━━━ Exercise input ━━━

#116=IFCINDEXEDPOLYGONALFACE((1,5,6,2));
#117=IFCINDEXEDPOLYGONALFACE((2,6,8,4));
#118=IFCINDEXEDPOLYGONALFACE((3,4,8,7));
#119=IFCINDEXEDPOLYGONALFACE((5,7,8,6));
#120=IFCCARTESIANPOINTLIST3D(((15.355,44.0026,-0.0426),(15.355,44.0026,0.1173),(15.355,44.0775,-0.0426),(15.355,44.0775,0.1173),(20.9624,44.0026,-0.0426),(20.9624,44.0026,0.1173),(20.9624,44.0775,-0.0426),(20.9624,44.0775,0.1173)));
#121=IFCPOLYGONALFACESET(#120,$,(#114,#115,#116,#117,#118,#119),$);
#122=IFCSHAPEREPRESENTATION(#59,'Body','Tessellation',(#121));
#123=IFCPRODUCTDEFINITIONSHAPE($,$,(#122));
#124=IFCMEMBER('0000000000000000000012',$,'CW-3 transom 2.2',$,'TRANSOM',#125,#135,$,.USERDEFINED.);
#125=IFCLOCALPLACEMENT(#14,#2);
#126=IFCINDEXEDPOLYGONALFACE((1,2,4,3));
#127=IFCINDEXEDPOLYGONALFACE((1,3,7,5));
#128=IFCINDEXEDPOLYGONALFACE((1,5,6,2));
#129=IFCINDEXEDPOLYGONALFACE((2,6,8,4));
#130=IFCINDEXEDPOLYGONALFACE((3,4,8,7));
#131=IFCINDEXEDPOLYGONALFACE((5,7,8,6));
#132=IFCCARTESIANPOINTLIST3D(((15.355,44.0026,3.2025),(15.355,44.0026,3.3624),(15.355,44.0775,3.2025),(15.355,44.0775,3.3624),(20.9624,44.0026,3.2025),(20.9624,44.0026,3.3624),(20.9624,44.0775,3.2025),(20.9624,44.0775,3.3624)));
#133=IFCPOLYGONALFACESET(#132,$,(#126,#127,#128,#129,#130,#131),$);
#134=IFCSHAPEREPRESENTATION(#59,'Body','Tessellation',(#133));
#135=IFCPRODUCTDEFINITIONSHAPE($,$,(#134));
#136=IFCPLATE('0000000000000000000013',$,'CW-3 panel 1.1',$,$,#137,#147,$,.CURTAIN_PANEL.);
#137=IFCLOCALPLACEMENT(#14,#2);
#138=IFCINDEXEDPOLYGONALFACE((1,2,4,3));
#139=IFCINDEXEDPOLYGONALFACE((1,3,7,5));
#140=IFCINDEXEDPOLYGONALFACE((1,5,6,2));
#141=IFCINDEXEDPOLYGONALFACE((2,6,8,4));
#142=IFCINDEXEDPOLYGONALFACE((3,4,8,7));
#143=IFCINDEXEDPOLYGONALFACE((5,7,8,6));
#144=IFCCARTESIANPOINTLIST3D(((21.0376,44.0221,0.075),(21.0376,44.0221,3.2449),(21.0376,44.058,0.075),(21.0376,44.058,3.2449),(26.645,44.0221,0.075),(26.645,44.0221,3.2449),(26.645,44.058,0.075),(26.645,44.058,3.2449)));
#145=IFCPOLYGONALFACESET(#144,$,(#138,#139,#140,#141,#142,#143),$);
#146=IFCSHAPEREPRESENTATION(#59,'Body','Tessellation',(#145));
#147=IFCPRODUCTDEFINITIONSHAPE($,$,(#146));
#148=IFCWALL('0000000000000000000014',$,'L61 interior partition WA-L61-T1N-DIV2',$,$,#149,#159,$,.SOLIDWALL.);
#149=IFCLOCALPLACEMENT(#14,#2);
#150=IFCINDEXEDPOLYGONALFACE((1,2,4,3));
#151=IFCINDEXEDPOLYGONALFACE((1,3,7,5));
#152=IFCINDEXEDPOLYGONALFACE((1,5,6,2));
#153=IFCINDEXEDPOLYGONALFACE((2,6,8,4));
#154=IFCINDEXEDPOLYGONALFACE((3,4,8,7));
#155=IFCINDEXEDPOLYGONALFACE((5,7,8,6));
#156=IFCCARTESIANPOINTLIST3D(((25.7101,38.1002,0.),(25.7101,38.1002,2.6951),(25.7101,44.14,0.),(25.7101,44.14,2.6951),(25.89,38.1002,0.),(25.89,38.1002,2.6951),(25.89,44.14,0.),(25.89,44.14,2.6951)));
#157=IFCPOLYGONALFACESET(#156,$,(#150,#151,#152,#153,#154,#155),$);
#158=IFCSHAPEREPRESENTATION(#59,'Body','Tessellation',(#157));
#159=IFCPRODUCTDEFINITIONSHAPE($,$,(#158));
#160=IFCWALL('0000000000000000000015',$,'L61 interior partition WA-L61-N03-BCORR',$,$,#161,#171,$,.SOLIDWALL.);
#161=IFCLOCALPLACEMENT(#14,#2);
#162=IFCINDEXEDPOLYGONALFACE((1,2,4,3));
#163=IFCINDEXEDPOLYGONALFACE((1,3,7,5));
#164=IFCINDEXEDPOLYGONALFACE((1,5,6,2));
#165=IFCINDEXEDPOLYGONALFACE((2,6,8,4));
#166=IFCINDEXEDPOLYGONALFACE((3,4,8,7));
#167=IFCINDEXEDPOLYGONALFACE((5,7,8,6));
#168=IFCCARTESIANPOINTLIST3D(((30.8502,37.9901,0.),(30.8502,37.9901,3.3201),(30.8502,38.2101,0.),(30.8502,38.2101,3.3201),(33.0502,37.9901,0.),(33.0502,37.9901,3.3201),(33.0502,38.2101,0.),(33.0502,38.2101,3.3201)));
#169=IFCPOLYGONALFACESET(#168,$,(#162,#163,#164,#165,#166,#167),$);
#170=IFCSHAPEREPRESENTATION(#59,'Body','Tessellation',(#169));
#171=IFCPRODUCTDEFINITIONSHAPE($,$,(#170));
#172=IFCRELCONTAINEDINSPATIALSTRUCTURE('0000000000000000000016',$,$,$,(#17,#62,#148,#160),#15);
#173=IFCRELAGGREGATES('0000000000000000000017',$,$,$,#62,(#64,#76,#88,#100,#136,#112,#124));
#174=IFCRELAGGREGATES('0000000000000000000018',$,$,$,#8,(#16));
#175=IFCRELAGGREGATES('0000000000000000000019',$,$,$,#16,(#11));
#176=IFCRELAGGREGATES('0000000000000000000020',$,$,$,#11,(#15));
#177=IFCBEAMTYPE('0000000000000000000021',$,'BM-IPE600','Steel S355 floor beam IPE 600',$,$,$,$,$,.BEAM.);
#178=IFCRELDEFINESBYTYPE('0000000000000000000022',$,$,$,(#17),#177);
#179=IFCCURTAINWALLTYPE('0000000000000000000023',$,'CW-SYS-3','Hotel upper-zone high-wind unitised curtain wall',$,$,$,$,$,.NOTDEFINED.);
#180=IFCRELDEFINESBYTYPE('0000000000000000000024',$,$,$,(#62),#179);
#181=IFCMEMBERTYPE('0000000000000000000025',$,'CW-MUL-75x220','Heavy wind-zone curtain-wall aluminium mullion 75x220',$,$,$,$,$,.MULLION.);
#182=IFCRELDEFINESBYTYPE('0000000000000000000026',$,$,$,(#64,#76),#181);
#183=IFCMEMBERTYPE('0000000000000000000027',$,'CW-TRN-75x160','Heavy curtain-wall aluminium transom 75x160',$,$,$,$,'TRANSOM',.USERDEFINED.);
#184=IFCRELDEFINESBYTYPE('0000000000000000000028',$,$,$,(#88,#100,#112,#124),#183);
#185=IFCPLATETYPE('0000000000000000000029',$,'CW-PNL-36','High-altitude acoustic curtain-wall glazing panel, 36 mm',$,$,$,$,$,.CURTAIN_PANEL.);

━━━
━━━ Exercise input ━━━

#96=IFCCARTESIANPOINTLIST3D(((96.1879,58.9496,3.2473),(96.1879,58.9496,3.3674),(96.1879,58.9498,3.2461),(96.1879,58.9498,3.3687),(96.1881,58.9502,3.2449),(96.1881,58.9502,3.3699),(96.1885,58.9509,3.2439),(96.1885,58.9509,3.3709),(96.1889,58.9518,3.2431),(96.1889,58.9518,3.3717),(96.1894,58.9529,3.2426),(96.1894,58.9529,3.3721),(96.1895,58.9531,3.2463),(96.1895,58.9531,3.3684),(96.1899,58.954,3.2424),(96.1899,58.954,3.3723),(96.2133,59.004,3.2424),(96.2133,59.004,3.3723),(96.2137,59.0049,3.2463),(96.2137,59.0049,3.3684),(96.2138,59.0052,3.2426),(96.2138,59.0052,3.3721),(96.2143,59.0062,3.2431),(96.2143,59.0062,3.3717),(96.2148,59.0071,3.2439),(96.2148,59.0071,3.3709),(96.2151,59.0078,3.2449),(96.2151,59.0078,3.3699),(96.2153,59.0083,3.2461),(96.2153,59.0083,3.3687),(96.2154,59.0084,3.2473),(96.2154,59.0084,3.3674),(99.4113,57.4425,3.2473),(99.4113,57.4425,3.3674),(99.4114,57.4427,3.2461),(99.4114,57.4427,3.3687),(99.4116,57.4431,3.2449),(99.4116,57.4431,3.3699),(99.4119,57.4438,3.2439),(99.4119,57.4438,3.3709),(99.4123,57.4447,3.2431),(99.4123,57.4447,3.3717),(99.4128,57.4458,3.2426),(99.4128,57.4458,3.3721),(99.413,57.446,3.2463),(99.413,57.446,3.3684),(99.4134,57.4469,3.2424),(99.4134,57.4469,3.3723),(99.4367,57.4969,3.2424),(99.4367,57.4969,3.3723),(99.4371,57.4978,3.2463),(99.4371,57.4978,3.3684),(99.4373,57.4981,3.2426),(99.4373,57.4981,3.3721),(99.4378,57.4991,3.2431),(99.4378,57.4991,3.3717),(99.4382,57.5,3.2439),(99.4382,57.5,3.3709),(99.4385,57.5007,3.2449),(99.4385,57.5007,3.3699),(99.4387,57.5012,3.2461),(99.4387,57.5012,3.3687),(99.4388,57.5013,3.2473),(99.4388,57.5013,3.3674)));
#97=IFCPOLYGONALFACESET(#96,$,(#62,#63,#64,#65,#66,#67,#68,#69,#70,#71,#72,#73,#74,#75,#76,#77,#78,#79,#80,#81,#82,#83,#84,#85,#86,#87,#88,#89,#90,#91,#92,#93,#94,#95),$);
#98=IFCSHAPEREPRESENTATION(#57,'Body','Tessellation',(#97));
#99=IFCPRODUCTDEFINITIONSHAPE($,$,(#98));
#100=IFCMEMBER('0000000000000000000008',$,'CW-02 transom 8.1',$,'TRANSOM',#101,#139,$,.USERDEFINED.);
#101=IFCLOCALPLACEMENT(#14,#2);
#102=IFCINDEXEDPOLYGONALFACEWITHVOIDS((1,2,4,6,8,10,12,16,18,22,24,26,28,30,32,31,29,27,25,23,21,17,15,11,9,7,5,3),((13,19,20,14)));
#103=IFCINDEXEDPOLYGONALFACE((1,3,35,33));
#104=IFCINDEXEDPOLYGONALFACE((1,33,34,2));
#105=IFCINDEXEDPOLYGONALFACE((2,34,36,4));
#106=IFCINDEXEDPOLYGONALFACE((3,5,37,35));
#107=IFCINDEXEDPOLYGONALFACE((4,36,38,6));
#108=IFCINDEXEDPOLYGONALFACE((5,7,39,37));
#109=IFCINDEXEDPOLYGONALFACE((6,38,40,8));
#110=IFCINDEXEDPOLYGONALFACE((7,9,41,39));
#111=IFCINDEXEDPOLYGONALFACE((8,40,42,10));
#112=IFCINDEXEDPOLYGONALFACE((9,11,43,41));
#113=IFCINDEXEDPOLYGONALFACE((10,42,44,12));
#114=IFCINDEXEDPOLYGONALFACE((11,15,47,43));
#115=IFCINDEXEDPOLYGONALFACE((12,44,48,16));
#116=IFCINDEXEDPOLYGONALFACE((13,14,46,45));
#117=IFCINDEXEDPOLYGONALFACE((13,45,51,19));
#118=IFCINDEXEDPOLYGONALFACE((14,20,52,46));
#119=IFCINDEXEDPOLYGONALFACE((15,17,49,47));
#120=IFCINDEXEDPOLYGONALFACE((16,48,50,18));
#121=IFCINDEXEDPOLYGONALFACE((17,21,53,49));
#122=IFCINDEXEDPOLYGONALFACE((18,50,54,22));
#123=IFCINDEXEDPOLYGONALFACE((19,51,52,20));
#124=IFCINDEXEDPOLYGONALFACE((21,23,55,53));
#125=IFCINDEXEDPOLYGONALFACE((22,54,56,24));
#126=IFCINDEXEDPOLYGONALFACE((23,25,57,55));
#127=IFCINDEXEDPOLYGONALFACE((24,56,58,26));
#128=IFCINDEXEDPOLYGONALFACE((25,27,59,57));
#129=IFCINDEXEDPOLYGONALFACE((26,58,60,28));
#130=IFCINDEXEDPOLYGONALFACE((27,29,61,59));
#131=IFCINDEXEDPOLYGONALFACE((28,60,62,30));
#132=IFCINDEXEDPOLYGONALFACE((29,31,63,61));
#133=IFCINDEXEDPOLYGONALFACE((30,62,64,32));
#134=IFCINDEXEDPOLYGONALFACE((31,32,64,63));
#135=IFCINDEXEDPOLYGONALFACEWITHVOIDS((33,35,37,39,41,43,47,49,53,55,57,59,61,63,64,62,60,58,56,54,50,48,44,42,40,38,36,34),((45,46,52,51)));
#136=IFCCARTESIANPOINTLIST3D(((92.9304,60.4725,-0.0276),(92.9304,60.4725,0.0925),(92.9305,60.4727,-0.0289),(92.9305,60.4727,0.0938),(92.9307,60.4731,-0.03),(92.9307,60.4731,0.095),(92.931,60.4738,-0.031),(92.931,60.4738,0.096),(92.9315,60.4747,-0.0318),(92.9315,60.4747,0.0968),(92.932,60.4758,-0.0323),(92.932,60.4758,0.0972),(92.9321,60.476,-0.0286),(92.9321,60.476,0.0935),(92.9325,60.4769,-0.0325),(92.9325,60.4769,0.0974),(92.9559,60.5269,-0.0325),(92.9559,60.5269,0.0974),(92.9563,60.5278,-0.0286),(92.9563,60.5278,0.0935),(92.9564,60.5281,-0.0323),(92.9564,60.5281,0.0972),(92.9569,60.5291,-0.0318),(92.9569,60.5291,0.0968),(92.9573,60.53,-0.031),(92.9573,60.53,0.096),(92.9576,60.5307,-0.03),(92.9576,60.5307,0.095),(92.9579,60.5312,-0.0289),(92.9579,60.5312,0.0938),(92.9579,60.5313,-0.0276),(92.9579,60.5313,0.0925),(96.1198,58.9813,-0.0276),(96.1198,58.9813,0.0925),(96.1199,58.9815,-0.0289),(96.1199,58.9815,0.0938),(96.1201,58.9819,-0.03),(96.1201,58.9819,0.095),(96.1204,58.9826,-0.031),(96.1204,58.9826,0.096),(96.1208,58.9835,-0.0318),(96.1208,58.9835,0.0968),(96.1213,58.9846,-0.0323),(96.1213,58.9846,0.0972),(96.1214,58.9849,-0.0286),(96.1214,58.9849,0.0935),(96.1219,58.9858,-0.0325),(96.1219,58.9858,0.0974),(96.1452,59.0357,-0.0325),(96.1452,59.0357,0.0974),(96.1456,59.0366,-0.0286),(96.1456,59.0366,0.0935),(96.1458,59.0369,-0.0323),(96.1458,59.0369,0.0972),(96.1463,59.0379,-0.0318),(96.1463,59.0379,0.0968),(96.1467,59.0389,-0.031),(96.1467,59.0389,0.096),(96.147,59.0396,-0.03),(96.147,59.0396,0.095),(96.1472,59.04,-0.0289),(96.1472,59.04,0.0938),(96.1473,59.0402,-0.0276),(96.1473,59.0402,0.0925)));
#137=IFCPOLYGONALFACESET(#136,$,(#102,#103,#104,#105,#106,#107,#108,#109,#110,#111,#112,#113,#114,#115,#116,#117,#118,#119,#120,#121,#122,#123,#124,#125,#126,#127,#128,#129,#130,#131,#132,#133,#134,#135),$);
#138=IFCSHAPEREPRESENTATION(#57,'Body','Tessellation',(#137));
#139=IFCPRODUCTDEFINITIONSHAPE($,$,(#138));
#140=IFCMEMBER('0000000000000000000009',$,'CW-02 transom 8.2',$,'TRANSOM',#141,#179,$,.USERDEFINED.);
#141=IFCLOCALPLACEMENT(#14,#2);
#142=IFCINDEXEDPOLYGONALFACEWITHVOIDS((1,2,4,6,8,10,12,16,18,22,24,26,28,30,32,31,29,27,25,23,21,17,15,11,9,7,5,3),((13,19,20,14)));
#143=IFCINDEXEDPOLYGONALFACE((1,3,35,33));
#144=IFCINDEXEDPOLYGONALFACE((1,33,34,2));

━━━

(Work required)
Take each line in the listing that has the word "IFCPRODUCTDEFINITIONSHAPE" and copy it.

(Response for this exercise)
#123=IFCPRODUCTDEFINITIONSHAPE($,$,(#122));
#135=IFCPRODUCTDEFINITIONSHAPE($,$,(#134));
#147=IFCPRODUCTDEFINITIONSHAPE($,$,(#146));
#159=IFCPRODUCTDEFINITIONSHAPE($,$,(#158));
#171=IFCPRODUCTDEFINITIONSHAPE($,$,(#170));
#99=IFCPRODUCTDEFINITIONSHAPE($,$,(#98));
#139=IFCPRODUCTDEFINITIONSHAPE($,$,(#138));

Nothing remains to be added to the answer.